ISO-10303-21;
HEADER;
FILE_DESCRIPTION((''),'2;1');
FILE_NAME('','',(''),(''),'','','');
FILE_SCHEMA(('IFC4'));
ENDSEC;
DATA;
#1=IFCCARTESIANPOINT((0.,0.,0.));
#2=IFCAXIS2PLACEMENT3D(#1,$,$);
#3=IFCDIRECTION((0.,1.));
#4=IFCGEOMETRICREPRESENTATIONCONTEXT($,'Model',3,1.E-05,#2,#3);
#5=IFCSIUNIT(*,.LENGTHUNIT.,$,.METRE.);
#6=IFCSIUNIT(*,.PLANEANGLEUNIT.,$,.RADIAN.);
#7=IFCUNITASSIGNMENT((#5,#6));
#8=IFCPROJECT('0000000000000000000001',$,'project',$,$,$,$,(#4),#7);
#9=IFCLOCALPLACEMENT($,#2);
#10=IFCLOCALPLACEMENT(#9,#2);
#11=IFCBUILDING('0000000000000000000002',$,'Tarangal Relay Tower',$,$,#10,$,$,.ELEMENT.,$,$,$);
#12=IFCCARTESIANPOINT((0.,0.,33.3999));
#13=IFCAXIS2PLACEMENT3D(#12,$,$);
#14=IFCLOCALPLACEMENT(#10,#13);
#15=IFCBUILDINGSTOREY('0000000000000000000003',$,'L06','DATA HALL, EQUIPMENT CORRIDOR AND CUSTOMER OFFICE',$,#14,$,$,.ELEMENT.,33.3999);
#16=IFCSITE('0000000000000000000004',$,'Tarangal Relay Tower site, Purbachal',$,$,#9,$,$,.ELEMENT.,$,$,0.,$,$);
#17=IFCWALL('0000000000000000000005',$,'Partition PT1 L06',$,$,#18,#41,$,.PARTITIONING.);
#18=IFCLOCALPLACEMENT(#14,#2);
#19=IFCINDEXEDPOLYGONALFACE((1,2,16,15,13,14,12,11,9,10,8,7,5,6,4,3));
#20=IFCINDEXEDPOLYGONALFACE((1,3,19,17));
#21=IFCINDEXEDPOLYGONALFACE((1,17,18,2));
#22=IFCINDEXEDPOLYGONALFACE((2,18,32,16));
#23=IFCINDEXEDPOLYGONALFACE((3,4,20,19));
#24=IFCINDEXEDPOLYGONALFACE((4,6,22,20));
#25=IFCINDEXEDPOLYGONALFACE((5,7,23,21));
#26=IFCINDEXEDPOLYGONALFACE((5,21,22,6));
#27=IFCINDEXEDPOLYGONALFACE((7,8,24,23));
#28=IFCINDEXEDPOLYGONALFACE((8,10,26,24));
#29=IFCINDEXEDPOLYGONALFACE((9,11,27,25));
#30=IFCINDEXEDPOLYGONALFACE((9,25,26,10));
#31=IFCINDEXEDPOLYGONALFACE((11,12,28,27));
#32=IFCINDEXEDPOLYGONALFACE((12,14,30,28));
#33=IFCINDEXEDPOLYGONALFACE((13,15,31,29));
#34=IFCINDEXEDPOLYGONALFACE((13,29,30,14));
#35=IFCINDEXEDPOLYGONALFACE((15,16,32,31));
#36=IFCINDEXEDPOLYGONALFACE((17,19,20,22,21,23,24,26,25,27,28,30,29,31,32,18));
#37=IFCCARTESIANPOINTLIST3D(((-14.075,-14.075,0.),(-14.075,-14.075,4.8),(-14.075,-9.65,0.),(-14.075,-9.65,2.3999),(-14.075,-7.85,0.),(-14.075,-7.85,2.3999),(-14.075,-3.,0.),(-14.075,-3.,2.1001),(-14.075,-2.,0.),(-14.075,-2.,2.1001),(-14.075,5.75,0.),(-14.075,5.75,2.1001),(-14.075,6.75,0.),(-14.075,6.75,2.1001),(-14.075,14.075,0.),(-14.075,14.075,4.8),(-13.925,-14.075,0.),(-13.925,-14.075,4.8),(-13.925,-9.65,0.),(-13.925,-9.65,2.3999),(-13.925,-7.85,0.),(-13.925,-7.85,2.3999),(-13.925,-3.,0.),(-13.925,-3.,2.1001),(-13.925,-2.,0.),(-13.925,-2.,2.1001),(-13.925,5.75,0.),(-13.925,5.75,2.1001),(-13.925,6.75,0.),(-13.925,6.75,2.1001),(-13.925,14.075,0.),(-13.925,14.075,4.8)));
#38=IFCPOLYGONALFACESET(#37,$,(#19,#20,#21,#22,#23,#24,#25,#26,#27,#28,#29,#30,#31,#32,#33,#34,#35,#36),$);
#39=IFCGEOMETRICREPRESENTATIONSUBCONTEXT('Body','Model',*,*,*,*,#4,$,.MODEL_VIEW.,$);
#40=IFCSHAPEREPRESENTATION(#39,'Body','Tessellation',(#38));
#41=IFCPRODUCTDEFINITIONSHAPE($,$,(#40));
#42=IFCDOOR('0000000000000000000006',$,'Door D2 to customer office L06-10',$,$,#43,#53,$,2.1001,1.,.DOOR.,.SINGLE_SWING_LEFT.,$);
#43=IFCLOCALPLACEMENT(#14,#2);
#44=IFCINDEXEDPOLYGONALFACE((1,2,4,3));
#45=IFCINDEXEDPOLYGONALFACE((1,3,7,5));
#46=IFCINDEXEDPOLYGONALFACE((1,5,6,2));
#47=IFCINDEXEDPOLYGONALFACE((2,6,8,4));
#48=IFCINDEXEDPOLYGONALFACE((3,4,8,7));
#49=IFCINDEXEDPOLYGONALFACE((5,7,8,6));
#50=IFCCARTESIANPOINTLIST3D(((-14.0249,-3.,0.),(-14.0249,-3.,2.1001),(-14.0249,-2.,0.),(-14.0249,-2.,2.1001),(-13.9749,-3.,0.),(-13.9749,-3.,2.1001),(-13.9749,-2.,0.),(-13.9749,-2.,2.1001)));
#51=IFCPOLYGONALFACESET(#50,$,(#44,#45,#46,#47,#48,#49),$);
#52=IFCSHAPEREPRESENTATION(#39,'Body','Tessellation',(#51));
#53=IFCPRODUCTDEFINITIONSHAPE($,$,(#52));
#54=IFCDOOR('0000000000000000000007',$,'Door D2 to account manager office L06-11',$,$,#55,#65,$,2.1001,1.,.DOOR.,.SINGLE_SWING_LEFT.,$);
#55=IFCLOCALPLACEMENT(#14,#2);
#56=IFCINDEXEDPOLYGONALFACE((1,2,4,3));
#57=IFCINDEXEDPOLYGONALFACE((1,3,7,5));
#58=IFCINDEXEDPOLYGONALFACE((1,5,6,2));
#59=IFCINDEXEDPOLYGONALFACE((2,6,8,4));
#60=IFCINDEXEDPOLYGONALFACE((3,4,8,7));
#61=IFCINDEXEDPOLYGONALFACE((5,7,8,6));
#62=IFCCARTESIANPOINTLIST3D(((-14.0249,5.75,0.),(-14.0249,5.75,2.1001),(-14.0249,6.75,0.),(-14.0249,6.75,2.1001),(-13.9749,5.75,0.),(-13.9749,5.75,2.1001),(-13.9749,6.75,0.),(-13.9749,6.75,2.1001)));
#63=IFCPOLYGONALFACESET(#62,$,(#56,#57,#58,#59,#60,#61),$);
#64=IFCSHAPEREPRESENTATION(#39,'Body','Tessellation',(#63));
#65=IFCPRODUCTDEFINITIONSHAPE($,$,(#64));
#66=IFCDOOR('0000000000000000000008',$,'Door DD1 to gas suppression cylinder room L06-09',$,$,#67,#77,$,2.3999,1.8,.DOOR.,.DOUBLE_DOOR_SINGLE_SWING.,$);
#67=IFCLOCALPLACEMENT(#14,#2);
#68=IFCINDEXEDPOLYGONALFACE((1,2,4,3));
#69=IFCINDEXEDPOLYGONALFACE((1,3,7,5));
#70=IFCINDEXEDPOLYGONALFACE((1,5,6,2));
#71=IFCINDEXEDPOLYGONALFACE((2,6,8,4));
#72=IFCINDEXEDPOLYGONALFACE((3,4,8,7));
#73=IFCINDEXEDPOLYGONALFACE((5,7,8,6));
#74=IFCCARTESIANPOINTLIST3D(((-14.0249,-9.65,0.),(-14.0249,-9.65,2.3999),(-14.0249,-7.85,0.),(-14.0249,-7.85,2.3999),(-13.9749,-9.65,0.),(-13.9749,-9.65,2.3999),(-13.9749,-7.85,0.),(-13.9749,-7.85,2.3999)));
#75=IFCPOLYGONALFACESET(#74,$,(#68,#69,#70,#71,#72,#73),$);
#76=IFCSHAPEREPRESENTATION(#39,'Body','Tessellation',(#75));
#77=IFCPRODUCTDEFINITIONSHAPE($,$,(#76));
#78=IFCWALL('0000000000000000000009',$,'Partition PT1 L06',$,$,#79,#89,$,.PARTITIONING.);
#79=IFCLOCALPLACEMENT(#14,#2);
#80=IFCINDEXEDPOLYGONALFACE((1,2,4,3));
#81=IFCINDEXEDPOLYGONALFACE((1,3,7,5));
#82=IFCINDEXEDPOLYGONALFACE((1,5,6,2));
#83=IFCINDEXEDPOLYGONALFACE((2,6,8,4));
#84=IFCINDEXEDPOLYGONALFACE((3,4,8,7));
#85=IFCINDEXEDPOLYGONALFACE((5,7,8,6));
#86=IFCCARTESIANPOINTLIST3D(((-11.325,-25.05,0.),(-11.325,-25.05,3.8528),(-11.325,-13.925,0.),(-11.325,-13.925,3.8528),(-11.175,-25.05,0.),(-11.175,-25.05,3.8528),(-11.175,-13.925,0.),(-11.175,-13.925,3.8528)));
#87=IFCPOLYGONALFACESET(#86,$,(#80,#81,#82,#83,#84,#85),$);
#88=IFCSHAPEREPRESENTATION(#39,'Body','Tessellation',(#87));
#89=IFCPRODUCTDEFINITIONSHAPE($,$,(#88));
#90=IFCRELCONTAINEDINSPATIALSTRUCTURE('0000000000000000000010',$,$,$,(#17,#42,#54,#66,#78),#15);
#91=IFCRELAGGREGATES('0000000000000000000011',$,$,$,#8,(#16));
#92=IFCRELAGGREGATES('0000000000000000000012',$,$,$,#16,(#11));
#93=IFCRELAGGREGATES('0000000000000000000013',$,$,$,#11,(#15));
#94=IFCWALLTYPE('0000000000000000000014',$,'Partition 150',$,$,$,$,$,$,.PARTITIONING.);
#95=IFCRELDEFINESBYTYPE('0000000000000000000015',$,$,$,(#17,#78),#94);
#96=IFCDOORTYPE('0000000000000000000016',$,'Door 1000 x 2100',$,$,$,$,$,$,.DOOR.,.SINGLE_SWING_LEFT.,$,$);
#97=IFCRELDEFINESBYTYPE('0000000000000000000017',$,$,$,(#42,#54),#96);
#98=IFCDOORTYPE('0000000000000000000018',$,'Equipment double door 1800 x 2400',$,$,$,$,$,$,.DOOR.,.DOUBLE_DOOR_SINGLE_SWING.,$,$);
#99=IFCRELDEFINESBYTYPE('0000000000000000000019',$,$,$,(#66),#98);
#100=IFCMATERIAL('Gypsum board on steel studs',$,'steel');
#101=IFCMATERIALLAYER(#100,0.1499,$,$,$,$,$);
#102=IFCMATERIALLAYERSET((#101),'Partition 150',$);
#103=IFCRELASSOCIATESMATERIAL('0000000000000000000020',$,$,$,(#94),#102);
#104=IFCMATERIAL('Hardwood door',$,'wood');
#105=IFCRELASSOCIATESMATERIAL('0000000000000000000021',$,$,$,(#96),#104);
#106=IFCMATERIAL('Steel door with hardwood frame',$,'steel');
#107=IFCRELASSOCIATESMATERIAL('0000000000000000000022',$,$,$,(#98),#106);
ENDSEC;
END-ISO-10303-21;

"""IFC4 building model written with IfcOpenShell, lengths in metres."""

from ifc_helpers import new_model, si_unit, direction, frame, frame_2d, origin, place, context, subcontext, project, spatial, rectangle, extrude, material, layer, layer_set, type_object, element, fill, save


model = new_model("IFC4")

# Units and contexts
model_context = context("Model", 3, precision=1e-05, world=origin(), true_north=direction((0.0, 1.0)))
body_context = subcontext(model_context, "Body", "Model", "MODEL_VIEW")
ifc_project = project(units=[si_unit("LENGTHUNIT", "METRE"), si_unit("PLANEANGLEUNIT", "RADIAN")], contexts=[model_context])

# Site, building, storey
site_placement = place(None, origin())
site = spatial("IfcSite", under=ifc_project, at=site_placement, Name="Tarangal Relay Tower site, Purbachal", CompositionType="ELEMENT", RefElevation=0.0)
building_placement = place(site_placement, origin())
building = spatial("IfcBuilding", under=site, at=building_placement, Name="Tarangal Relay Tower", CompositionType="ELEMENT")
storey_placement = place(building_placement, frame((0.0, 0.0, 33.3999)))
storey = spatial("IfcBuildingStorey", under=building, at=storey_placement, Name="L06", Description="DATA HALL, EQUIPMENT CORRIDOR AND CUSTOMER OFFICE", CompositionType="ELEMENT", Elevation=33.3999)

# Wall, openings, doors
ifc_material_1 = material(Name="Gypsum board on steel studs", Category="steel")
ifc_layer_1 = layer(ifc_material_1, 0.1499)
ifc_layer_set_1 = layer_set([ifc_layer_1], Name="Partition 150")
wall_type_1 = type_object("IfcWallType", Name="Partition 150", PredefinedType="PARTITIONING", material=ifc_layer_set_1)
ifc_material_2 = material(Name="Hardwood door", Category="wood")
door_type_1 = type_object("IfcDoorType", Name="Door 1000 x 2100", OperationType="SINGLE_SWING_LEFT", PredefinedType="DOOR", material=ifc_material_2)
ifc_material_3 = material(Name="Steel door with hardwood frame", Category="steel")
door_type_2 = type_object("IfcDoorType", Name="Equipment double door 1800 x 2400", OperationType="DOUBLE_DOOR_SINGLE_SWING", PredefinedType="DOOR", material=ifc_material_3)
wall_1_placement = place(storey_placement, frame((-14.0, -14.075, 0.0), z_axis=(0.0, 0.0, 1.0), x_axis=(0.0, 1.0, 0.0)))
wall_1 = element("IfcWall", 1, at=wall_1_placement, inside=storey, type_object=wall_type_1, Name="Partition PT1 L06", PredefinedType="PARTITIONING", context=body_context, shape_type="SweptSolid", body=[
    extrude(rectangle(XDim=28.1499, YDim=0.1499, at=frame_2d((14.075, 0.0))), origin(), (0.0, 0.0, 1.0), 4.8),
])
opening_1_placement = place(wall_1_placement, frame((4.425, 0.0, 0.0)))
opening_1 = element("IfcOpeningElement", 2, at=opening_1_placement, cuts=wall_1, PredefinedType="OPENING", context=body_context, shape_type="SweptSolid", body=[
    extrude(rectangle(XDim=1.8, YDim=2.3999, at=frame_2d((0.8999, 1.2))), frame((0.0, 0.085, 0.0), z_axis=(0.0, -1.0, 0.0), x_axis=(1.0, 0.0, 0.0)), (0.0, 0.0, 1.0), 0.1699),
])
opening_2_placement = place(wall_1_placement, frame((11.075, 0.0, 0.0)))
opening_2 = element("IfcOpeningElement", 3, at=opening_2_placement, cuts=wall_1, PredefinedType="OPENING", context=body_context, shape_type="SweptSolid", body=[
    extrude(rectangle(XDim=1.0, YDim=2.1001, at=frame_2d((0.5, 1.05))), frame((0.0, 0.085, 0.0), z_axis=(0.0, -1.0, 0.0), x_axis=(1.0, 0.0, 0.0)), (0.0, 0.0, 1.0), 0.1699),
])
opening_3_placement = place(wall_1_placement, frame((19.825, 0.0, 0.0)))
opening_3 = element("IfcOpeningElement", 4, at=opening_3_placement, cuts=wall_1, PredefinedType="OPENING", context=body_context, shape_type="SweptSolid", body=[
    extrude(rectangle(XDim=1.0, YDim=2.1001, at=frame_2d((0.5, 1.05))), frame((0.0, 0.085, 0.0), z_axis=(0.0, -1.0, 0.0), x_axis=(1.0, 0.0, 0.0)), (0.0, 0.0, 1.0), 0.1699),
])
door_1_placement = place(opening_2_placement, origin())
door_1 = element("IfcDoor", 5, at=door_1_placement, inside=storey, type_object=door_type_1, Name="Door D2 to customer office L06-10", OperationType="SINGLE_SWING_LEFT", OverallHeight=2.1001, OverallWidth=1.0, PredefinedType="DOOR", context=body_context, shape_type="SweptSolid", body=[
    extrude(rectangle(XDim=1.0, YDim=2.1001, at=frame_2d((0.5, 1.05))), frame((0.0, 0.0249, 0.0), z_axis=(0.0, -1.0, 0.0), x_axis=(1.0, 0.0, 0.0)), (0.0, 0.0, 1.0), 0.05),
])
fill(opening_2, door_1)
door_2_placement = place(opening_3_placement, origin())
door_2 = element("IfcDoor", 6, at=door_2_placement, inside=storey, type_object=door_type_1, Name="Door D2 to account manager office L06-11", OperationType="SINGLE_SWING_LEFT", OverallHeight=2.1001, OverallWidth=1.0, PredefinedType="DOOR", context=body_context, shape_type="SweptSolid", body=[
    extrude(rectangle(XDim=1.0, YDim=2.1001, at=frame_2d((0.5, 1.05))), frame((0.0, 0.0249, 0.0), z_axis=(0.0, -1.0, 0.0), x_axis=(1.0, 0.0, 0.0)), (0.0, 0.0, 1.0), 0.05),
])
fill(opening_3, door_2)
door_3_placement = place(opening_1_placement, origin())
door_3 = element("IfcDoor", 7, at=door_3_placement, inside=storey, type_object=door_type_2, Name="Door DD1 to gas suppression cylinder room L06-09", OperationType="DOUBLE_DOOR_SINGLE_SWING", OverallHeight=2.3999, OverallWidth=1.8, PredefinedType="DOOR", context=body_context, shape_type="SweptSolid", body=[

#### [Exercise requirements]
Print exactly the lines above from the one with "#79=IFCLOCALPLACEMENT(#14,#2);" to the one with "#100=IFCMATERIAL('Gypsum board on", including both.

#### [Output]
#79=IFCLOCALPLACEMENT(#14,#2);
#80=IFCINDEXEDPOLYGONALFACE((1,2,4,3));
#81=IFCINDEXEDPOLYGONALFACE((1,3,7,5));
#82=IFCINDEXEDPOLYGONALFACE((1,5,6,2));
#83=IFCINDEXEDPOLYGONALFACE((2,6,8,4));
#84=IFCINDEXEDPOLYGONALFACE((3,4,8,7));
#85=IFCINDEXEDPOLYGONALFACE((5,7,8,6));
#86=IFCCARTESIANPOINTLIST3D(((-11.325,-25.05,0.),(-11.325,-25.05,3.8528),(-11.325,-13.925,0.),(-11.325,-13.925,3.8528),(-11.175,-25.05,0.),(-11.175,-25.05,3.8528),(-11.175,-13.925,0.),(-11.175,-13.925,3.8528)));
#87=IFCPOLYGONALFACESET(#86,$,(#80,#81,#82,#83,#84,#85),$);
#88=IFCSHAPEREPRESENTATION(#39,'Body','Tessellation',(#87));
#89=IFCPRODUCTDEFINITIONSHAPE($,$,(#88));
#90=IFCRELCONTAINEDINSPATIALSTRUCTURE('0000000000000000000010',$,$,$,(#17,#42,#54,#66,#78),#15);
#91=IFCRELAGGREGATES('0000000000000000000011',$,$,$,#8,(#16));
#92=IFCRELAGGREGATES('0000000000000000000012',$,$,$,#16,(#11));
#93=IFCRELAGGREGATES('0000000000000000000013',$,$,$,#11,(#15));
#94=IFCWALLTYPE('0000000000000000000014',$,'Partition 150',$,$,$,$,$,$,.PARTITIONING.);
#95=IFCRELDEFINESBYTYPE('0000000000000000000015',$,$,$,(#17,#78),#94);
#96=IFCDOORTYPE('0000000000000000000016',$,'Door 1000 x 2100',$,$,$,$,$,$,.DOOR.,.SINGLE_SWING_LEFT.,$,$);
#97=IFCRELDEFINESBYTYPE('0000000000000000000017',$,$,$,(#42,#54),#96);
#98=IFCDOORTYPE('0000000000000000000018',$,'Equipment double door 1800 x 2400',$,$,$,$,$,$,.DOOR.,.DOUBLE_DOOR_SINGLE_SWING.,$,$);
#99=IFCRELDEFINESBYTYPE('0000000000000000000019',$,$,$,(#66),#98);
#100=IFCMATERIAL('Gypsum board on steel studs',$,'steel');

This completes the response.